GOAL OF THE EXERCISE: From the listing, collect all lines containing the word "IFCRELAGGREGATES".

THE INPUT:
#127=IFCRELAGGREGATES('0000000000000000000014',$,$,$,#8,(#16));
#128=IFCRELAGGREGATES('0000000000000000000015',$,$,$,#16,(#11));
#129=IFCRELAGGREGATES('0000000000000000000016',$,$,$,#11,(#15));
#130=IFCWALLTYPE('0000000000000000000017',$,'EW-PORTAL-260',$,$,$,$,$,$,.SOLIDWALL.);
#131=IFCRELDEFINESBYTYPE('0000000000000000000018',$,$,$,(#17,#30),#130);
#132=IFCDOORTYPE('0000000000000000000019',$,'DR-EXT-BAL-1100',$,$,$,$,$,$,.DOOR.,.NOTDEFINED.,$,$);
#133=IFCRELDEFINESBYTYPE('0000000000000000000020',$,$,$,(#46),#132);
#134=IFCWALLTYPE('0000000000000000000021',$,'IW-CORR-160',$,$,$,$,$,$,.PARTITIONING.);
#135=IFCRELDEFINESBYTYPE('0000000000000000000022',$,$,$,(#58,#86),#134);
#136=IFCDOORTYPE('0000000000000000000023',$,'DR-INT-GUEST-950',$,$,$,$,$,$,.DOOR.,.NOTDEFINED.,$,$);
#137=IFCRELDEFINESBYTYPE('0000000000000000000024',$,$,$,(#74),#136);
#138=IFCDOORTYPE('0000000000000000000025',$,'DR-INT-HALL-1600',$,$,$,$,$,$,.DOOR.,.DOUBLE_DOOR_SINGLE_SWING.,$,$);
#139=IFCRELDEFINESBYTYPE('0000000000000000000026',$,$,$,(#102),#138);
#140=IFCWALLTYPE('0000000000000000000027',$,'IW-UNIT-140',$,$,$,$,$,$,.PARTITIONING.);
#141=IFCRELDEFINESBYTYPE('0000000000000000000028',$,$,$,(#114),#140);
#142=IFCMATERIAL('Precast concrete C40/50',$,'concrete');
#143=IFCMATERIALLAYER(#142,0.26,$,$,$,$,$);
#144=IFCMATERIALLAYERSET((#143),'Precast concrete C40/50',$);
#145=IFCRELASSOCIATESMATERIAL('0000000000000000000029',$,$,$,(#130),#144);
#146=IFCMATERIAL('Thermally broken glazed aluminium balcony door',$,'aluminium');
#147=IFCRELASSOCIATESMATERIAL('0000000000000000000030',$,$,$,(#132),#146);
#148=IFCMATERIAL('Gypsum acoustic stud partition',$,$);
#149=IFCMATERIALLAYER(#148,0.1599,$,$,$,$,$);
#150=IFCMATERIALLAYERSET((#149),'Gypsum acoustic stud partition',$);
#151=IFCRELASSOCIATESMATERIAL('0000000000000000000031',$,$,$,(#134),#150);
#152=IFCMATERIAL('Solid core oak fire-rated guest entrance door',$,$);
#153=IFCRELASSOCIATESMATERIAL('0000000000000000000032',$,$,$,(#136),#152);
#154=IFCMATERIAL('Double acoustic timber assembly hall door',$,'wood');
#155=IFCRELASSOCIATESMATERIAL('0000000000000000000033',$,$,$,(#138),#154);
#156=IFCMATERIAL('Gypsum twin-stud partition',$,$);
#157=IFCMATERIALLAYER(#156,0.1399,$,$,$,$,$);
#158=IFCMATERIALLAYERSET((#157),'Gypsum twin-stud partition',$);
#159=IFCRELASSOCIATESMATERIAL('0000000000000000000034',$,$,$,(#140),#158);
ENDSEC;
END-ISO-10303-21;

ANSWER SPACE:
#127=IFCRELAGGREGATES('0000000000000000000014',$,$,$,#8,(#16));
#128=IFCRELAGGREGATES('0000000000000000000015',$,$,$,#16,(#11));
#129=IFCRELAGGREGATES('0000000000000000000016',$,$,$,#11,(#15));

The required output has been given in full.